_TASK_. Where does the string "CompositionType" occur in the entries below? Copy every line where it does.

START MATERIAL PROVIDED

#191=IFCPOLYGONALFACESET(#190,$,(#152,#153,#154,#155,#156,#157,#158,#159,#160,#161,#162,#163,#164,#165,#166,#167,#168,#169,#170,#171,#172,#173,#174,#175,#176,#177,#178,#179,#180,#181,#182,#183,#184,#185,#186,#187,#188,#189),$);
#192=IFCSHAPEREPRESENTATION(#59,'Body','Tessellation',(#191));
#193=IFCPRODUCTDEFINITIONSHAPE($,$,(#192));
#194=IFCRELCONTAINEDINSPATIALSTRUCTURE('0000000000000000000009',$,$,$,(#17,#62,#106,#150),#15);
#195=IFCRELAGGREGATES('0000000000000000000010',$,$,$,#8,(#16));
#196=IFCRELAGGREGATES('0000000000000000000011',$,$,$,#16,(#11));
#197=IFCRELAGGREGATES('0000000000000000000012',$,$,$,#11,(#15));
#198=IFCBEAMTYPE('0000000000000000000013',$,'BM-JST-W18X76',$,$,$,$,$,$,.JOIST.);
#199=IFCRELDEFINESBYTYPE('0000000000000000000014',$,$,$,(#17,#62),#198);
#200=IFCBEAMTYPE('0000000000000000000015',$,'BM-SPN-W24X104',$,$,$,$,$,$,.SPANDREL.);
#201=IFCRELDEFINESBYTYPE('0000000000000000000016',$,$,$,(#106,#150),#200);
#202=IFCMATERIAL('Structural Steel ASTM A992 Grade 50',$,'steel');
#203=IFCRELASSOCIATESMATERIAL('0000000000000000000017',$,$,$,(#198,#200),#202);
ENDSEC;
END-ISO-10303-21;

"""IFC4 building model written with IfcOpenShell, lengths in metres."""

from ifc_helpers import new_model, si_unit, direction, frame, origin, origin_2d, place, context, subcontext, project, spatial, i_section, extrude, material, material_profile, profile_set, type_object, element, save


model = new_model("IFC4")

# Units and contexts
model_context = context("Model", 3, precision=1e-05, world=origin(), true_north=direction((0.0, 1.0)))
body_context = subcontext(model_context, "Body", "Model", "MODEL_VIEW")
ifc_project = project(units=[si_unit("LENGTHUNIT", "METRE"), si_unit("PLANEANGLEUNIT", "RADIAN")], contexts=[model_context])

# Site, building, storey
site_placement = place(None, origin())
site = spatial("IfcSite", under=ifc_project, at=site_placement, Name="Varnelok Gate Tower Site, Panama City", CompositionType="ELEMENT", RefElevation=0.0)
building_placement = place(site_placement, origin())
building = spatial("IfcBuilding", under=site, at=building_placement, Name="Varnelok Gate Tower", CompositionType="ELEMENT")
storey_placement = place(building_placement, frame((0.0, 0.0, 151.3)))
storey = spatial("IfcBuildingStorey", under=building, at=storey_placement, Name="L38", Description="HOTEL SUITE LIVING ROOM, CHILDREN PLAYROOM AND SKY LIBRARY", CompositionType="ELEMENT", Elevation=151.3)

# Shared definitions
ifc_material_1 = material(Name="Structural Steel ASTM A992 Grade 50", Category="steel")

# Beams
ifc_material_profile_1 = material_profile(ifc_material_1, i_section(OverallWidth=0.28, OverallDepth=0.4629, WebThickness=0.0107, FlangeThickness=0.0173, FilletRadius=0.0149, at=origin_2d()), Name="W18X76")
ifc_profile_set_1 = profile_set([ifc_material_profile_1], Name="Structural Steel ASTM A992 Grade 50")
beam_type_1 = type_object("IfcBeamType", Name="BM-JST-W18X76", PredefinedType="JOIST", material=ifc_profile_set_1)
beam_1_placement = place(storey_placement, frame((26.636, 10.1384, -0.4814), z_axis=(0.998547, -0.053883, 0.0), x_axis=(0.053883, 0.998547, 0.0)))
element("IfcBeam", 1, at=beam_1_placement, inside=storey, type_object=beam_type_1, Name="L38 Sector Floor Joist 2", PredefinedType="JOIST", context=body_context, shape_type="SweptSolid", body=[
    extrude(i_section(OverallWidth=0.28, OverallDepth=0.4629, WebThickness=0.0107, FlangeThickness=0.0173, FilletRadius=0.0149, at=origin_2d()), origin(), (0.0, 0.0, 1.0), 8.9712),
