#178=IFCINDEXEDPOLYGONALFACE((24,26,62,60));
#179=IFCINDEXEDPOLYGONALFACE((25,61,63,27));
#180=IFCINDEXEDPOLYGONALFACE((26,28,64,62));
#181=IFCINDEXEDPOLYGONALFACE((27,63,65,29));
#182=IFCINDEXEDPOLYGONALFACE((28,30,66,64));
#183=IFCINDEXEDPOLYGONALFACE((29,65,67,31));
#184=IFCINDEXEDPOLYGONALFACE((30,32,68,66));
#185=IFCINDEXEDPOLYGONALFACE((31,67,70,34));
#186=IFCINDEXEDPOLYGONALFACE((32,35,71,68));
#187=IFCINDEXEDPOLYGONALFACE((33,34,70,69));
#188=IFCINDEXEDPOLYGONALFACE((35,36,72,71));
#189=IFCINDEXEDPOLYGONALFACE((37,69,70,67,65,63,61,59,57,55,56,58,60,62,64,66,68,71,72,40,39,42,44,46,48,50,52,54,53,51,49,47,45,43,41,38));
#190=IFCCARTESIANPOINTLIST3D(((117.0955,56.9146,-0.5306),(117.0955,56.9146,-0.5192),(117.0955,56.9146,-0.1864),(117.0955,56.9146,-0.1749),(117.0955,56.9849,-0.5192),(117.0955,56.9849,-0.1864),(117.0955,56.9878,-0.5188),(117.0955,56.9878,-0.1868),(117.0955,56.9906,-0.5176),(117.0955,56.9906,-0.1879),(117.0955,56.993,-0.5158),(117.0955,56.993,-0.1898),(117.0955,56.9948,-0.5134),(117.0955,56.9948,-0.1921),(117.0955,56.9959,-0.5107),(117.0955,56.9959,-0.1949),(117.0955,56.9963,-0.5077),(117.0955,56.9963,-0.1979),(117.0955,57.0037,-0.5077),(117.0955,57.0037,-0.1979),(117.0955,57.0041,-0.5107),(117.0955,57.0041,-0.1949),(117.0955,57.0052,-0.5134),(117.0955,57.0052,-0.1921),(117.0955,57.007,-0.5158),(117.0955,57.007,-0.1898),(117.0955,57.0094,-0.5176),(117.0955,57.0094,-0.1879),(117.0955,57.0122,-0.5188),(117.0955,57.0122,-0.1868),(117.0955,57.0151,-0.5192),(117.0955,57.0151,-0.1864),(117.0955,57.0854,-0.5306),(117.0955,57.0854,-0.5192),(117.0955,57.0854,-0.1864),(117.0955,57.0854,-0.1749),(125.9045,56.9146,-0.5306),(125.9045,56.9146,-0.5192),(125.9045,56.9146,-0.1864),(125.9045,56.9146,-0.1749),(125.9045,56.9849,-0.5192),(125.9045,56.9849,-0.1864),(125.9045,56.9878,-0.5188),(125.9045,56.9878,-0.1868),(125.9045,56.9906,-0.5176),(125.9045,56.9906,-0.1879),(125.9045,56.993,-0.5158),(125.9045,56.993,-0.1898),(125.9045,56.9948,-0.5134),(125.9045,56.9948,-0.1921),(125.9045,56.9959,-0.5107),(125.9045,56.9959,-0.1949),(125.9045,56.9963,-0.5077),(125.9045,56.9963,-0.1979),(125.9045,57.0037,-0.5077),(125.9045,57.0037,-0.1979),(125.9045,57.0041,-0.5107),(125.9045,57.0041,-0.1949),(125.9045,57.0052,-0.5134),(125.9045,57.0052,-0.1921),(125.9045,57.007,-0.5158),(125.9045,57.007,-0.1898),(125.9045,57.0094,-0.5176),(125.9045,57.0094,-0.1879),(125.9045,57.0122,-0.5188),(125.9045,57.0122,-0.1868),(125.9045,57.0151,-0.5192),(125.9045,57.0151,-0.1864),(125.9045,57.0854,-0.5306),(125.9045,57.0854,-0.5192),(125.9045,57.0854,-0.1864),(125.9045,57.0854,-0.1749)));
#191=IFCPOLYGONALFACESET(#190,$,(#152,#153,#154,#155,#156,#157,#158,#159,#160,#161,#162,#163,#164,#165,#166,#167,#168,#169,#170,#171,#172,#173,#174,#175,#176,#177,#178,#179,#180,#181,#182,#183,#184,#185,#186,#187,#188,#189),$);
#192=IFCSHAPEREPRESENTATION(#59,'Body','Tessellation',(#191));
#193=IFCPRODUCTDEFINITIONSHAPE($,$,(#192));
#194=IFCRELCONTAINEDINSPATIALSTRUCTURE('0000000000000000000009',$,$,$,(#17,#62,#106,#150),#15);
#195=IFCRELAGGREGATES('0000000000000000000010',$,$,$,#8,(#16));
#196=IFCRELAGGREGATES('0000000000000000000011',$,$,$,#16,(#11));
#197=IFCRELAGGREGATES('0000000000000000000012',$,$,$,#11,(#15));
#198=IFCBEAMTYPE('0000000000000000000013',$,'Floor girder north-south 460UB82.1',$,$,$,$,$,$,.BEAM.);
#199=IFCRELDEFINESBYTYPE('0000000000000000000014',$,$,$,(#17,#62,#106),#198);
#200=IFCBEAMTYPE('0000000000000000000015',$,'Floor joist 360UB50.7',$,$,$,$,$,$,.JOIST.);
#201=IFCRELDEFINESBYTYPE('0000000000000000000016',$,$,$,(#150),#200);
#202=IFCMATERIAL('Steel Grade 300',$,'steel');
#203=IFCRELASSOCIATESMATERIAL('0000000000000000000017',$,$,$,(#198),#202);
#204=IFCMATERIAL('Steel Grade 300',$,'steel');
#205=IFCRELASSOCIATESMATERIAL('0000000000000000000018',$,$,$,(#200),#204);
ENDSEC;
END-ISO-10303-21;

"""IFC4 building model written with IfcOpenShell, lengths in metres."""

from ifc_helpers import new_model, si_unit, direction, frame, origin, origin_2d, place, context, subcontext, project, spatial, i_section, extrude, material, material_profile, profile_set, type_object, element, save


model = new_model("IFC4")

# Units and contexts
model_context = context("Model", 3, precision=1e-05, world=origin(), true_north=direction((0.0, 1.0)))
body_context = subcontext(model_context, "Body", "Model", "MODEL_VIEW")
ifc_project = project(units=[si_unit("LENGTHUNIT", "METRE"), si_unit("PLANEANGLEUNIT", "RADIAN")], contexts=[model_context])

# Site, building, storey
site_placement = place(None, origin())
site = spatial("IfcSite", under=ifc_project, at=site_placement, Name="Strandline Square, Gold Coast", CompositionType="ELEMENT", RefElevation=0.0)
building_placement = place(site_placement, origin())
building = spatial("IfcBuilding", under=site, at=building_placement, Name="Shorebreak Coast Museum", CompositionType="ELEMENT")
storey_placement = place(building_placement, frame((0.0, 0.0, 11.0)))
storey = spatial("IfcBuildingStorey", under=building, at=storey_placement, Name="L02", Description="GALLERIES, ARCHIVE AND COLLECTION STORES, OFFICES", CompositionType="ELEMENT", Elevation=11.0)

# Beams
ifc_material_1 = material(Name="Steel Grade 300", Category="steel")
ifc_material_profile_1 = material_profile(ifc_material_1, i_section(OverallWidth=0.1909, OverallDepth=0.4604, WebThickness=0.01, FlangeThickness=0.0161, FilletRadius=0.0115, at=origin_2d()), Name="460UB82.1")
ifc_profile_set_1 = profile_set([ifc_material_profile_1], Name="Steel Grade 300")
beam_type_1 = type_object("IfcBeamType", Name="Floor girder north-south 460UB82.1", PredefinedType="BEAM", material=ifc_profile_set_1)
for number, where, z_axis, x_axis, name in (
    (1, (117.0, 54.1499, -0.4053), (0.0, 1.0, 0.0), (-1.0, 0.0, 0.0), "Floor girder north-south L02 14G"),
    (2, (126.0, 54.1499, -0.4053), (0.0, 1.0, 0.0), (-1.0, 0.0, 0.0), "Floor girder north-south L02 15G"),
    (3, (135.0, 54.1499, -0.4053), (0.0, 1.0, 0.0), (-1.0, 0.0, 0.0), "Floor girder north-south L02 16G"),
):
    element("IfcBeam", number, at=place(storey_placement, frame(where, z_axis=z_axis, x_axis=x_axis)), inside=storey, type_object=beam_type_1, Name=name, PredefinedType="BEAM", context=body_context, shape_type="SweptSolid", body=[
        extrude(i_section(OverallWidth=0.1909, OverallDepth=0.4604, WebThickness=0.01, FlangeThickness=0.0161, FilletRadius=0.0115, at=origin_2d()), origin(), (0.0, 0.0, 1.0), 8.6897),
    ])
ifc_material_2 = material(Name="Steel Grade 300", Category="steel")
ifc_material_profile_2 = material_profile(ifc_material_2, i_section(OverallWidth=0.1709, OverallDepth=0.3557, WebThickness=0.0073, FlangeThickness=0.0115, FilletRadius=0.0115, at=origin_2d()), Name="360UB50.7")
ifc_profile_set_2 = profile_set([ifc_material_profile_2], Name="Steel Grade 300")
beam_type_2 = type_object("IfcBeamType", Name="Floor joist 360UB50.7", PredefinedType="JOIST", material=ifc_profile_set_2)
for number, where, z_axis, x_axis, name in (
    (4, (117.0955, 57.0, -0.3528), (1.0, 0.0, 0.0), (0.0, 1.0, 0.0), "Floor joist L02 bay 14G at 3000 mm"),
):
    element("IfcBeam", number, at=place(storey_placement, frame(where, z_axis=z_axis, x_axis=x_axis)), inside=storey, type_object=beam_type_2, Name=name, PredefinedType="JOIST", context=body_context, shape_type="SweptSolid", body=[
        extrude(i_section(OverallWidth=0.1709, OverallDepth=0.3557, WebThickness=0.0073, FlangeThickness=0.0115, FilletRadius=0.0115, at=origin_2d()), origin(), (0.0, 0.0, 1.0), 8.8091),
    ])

END MATERIAL PROVIDED
START MATERIAL PROVIDED

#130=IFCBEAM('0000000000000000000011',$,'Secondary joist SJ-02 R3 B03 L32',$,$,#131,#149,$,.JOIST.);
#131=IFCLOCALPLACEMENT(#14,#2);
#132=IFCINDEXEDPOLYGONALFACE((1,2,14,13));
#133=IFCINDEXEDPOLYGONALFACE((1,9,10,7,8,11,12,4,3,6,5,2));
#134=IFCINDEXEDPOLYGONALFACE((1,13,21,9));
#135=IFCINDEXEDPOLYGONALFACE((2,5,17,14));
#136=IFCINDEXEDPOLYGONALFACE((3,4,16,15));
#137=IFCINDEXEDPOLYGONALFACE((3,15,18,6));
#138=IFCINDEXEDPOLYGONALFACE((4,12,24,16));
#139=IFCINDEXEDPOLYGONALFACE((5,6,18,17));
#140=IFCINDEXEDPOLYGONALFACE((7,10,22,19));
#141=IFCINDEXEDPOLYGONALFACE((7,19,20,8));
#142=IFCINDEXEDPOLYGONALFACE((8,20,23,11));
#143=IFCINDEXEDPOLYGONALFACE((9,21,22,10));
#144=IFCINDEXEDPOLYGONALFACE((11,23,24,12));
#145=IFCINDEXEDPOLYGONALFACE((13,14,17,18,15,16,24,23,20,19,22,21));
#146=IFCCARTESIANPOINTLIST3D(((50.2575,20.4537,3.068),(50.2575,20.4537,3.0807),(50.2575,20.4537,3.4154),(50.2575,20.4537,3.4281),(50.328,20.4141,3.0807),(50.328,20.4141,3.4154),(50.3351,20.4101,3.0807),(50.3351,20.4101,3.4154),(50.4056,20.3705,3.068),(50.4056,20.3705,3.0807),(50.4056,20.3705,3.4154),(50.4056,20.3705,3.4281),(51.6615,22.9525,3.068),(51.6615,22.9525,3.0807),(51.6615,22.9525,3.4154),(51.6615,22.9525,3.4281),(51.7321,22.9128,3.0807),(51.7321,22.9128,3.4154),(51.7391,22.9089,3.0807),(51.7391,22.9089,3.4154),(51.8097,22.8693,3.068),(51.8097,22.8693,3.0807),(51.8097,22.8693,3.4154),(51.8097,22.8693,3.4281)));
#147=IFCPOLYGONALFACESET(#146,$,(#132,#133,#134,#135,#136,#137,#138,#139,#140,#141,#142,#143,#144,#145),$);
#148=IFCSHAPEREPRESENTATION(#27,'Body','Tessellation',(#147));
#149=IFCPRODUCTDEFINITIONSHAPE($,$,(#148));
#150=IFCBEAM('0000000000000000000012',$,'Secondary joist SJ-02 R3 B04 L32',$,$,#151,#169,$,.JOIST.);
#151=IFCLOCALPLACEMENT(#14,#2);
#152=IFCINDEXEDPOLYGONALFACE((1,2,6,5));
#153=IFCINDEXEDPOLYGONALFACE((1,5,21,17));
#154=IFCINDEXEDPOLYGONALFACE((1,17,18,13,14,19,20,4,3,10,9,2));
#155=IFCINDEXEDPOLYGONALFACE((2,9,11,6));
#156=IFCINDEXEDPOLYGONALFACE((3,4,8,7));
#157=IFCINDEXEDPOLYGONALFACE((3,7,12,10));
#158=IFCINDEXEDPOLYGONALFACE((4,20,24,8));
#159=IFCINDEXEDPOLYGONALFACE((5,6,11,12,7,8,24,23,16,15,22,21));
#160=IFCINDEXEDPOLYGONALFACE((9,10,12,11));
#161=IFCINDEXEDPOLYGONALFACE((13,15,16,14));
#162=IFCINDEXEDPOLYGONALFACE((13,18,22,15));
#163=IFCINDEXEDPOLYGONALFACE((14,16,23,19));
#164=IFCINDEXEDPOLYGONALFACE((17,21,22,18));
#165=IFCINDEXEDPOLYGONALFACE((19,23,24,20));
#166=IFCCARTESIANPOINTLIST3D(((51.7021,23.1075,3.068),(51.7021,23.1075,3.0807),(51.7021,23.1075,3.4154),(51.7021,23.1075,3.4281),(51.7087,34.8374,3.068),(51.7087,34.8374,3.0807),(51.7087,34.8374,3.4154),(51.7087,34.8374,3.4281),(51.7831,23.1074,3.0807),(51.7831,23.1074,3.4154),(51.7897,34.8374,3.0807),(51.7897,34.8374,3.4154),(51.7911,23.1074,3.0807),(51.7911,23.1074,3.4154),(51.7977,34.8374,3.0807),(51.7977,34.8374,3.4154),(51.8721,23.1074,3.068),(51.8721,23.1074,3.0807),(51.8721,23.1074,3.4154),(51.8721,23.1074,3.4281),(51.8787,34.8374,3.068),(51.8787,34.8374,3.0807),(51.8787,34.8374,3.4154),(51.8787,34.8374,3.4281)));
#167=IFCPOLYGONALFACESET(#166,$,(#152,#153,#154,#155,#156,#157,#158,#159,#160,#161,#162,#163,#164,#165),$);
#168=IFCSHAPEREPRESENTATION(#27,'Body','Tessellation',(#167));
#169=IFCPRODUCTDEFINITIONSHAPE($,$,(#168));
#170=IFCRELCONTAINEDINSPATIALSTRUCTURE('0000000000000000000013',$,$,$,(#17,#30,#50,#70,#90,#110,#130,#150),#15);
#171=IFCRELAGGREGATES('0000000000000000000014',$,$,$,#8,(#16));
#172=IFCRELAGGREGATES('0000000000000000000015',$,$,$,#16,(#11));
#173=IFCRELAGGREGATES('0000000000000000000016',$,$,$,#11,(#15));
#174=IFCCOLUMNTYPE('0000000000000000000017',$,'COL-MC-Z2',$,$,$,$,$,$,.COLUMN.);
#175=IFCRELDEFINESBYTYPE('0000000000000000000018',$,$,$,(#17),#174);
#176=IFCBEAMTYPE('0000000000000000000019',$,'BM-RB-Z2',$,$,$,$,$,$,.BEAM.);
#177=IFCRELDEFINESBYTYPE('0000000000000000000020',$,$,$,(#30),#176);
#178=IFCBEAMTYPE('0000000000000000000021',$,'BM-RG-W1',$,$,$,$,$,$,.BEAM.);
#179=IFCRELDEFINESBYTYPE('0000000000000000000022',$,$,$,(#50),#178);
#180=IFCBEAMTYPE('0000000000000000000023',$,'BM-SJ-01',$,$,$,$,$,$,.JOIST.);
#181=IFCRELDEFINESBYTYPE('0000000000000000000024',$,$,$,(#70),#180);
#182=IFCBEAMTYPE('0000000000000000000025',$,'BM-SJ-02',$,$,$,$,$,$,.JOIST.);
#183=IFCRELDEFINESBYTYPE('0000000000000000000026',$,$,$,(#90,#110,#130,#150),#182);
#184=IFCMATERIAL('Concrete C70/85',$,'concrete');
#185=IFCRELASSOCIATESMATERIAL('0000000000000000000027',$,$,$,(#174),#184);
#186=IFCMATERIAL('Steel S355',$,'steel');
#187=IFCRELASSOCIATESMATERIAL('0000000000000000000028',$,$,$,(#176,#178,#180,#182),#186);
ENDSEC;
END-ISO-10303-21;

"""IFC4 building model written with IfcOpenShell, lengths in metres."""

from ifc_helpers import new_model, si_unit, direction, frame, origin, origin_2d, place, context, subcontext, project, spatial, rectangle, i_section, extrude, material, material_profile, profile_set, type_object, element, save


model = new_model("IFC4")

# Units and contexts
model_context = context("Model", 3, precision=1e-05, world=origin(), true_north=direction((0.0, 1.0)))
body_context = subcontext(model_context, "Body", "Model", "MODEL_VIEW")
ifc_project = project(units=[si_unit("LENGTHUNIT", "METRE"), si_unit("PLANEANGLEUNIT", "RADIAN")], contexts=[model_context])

END MATERIAL PROVIDED

_ANSWER SECTION_.
site = spatial("IfcSite", under=ifc_project, at=site_placement, Name="Varnelok Gate Tower Site, Panama City", CompositionType="ELEMENT", RefElevation=0.0)
building = spatial("IfcBuilding", under=site, at=building_placement, Name="Varnelok Gate Tower", CompositionType="ELEMENT")
storey = spatial("IfcBuildingStorey", under=building, at=storey_placement, Name="L38", Description="HOTEL SUITE LIVING ROOM, CHILDREN PLAYROOM AND SKY LIBRARY", CompositionType="ELEMENT", Elevation=151.3)
site = spatial("IfcSite", under=ifc_project, at=site_placement, Name="Strandline Square, Gold Coast", CompositionType="ELEMENT", RefElevation=0.0)
building = spatial("IfcBuilding", under=site, at=building_placement, Name="Shorebreak Coast Museum", CompositionType="ELEMENT")
storey = spatial("IfcBuildingStorey", under=building, at=storey_placement, Name="L02", Description="GALLERIES, ARCHIVE AND COLLECTION STORES, OFFICES", CompositionType="ELEMENT", Elevation=11.0)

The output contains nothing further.